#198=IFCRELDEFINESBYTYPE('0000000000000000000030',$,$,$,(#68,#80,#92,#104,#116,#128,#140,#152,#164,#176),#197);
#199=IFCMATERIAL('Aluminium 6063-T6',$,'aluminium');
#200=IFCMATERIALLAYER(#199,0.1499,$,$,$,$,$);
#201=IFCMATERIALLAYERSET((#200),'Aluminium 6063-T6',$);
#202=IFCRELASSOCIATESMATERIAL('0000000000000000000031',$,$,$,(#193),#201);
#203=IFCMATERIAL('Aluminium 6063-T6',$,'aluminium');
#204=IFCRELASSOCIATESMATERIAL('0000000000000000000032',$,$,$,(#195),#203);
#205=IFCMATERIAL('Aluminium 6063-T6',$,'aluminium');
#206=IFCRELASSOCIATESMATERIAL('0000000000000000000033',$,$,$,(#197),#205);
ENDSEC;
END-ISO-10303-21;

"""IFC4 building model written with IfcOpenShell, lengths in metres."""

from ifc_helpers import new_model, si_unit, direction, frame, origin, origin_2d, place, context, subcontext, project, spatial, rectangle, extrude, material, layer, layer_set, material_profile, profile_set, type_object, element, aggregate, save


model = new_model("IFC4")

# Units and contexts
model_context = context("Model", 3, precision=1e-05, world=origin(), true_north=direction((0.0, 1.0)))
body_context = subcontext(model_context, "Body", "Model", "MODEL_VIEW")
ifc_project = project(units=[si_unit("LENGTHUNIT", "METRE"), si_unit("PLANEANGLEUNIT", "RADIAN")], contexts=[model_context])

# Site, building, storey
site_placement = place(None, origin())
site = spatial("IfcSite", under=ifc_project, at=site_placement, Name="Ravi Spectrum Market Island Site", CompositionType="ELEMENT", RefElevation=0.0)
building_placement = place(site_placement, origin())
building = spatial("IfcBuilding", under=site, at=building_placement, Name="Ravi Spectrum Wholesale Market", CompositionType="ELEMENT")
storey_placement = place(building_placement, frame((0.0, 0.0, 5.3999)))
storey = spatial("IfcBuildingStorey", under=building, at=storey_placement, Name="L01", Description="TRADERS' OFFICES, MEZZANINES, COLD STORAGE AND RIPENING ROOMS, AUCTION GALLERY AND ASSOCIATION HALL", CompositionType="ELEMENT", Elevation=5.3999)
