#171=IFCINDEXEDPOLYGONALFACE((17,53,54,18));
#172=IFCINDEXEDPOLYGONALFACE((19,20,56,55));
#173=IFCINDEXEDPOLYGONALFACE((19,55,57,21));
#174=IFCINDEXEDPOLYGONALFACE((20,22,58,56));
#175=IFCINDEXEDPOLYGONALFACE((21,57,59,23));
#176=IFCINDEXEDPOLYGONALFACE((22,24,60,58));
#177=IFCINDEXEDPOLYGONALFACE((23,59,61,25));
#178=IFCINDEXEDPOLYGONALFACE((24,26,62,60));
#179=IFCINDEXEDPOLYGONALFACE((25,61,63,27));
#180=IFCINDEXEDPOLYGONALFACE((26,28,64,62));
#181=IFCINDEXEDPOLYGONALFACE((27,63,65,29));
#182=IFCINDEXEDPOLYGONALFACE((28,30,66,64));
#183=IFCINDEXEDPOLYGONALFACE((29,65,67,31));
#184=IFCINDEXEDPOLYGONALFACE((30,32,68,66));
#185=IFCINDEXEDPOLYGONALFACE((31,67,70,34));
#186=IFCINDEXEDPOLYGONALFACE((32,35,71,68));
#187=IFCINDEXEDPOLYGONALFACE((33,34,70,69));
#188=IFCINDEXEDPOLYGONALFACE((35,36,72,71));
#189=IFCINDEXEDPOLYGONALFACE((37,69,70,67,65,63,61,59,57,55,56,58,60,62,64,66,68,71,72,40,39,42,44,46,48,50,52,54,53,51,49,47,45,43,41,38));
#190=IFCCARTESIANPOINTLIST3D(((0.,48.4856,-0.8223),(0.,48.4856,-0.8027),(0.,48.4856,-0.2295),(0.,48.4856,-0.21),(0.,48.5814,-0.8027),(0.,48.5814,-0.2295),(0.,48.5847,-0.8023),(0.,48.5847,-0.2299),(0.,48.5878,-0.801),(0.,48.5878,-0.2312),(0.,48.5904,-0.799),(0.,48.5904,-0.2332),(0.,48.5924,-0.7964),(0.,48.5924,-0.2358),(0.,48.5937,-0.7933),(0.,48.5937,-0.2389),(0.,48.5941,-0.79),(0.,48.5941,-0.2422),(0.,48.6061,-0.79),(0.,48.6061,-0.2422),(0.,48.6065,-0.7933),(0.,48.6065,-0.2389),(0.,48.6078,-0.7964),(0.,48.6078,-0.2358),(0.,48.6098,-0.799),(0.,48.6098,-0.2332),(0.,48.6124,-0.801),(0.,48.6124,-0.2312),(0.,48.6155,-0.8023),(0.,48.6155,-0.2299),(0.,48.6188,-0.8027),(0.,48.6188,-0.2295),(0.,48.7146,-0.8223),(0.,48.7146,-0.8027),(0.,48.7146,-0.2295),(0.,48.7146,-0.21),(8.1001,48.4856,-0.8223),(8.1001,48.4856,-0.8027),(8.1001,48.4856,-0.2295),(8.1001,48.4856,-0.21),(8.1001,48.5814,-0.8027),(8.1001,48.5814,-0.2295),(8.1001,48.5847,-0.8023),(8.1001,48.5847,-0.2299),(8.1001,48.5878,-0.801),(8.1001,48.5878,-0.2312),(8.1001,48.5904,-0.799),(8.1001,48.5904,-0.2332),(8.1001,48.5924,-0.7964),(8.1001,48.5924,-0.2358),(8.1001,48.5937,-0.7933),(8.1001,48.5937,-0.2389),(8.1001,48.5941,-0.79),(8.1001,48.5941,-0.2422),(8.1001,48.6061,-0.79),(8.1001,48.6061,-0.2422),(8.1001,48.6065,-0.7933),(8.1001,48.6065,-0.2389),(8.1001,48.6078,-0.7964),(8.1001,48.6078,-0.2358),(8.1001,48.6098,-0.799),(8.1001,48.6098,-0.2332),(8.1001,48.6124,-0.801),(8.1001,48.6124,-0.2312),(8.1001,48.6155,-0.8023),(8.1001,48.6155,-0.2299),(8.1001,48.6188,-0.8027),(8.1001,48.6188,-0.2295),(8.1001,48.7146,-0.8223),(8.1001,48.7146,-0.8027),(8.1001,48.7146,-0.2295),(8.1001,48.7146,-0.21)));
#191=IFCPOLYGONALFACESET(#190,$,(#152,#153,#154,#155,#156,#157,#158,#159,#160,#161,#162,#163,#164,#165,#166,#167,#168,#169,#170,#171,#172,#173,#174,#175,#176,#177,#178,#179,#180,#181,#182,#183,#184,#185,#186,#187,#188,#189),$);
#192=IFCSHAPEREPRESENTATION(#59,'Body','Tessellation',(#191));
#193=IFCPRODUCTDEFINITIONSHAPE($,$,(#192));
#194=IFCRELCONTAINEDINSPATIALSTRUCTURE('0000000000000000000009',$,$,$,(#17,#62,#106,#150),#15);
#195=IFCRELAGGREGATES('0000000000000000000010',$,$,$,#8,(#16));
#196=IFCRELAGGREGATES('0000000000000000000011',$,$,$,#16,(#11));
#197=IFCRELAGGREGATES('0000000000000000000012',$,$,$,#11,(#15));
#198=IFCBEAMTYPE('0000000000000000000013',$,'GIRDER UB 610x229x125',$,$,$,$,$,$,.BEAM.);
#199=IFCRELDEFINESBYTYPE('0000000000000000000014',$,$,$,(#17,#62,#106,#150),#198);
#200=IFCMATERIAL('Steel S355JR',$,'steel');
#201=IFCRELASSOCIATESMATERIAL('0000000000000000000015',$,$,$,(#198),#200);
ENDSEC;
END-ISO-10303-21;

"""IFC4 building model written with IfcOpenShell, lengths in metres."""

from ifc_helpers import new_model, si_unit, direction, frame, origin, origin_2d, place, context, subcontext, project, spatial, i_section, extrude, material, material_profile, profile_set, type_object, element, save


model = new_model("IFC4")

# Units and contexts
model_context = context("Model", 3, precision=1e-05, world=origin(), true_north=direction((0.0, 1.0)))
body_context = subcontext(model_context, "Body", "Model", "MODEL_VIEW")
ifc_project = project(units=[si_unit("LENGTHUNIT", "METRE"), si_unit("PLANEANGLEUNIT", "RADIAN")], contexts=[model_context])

**Activity:** Retype every line of the listing, word for word, from its opening line to the line that holds "frame((0.0, 0.0, 5.3999)))", and include that last line too.

**Solution:**
#198=IFCRELDEFINESBYTYPE('0000000000000000000030',$,$,$,(#68,#80,#92,#104,#116,#128,#140,#152,#164,#176),#197);
#199=IFCMATERIAL('Aluminium 6063-T6',$,'aluminium');
#200=IFCMATERIALLAYER(#199,0.1499,$,$,$,$,$);
#201=IFCMATERIALLAYERSET((#200),'Aluminium 6063-T6',$);
#202=IFCRELASSOCIATESMATERIAL('0000000000000000000031',$,$,$,(#193),#201);
#203=IFCMATERIAL('Aluminium 6063-T6',$,'aluminium');
#204=IFCRELASSOCIATESMATERIAL('0000000000000000000032',$,$,$,(#195),#203);
#205=IFCMATERIAL('Aluminium 6063-T6',$,'aluminium');
#206=IFCRELASSOCIATESMATERIAL('0000000000000000000033',$,$,$,(#197),#205);
ENDSEC;
END-ISO-10303-21;

"""IFC4 building model written with IfcOpenShell, lengths in metres."""

from ifc_helpers import new_model, si_unit, direction, frame, origin, origin_2d, place, context, subcontext, project, spatial, rectangle, extrude, material, layer, layer_set, material_profile, profile_set, type_object, element, aggregate, save


model = new_model("IFC4")

# Units and contexts
model_context = context("Model", 3, precision=1e-05, world=origin(), true_north=direction((0.0, 1.0)))
body_context = subcontext(model_context, "Body", "Model", "MODEL_VIEW")
ifc_project = project(units=[si_unit("LENGTHUNIT", "METRE"), si_unit("PLANEANGLEUNIT", "RADIAN")], contexts=[model_context])

# Site, building, storey
site_placement = place(None, origin())
site = spatial("IfcSite", under=ifc_project, at=site_placement, Name="Ravi Spectrum Market Island Site", CompositionType="ELEMENT", RefElevation=0.0)
building_placement = place(site_placement, origin())
building = spatial("IfcBuilding", under=site, at=building_placement, Name="Ravi Spectrum Wholesale Market", CompositionType="ELEMENT")
storey_placement = place(building_placement, frame((0.0, 0.0, 5.3999)))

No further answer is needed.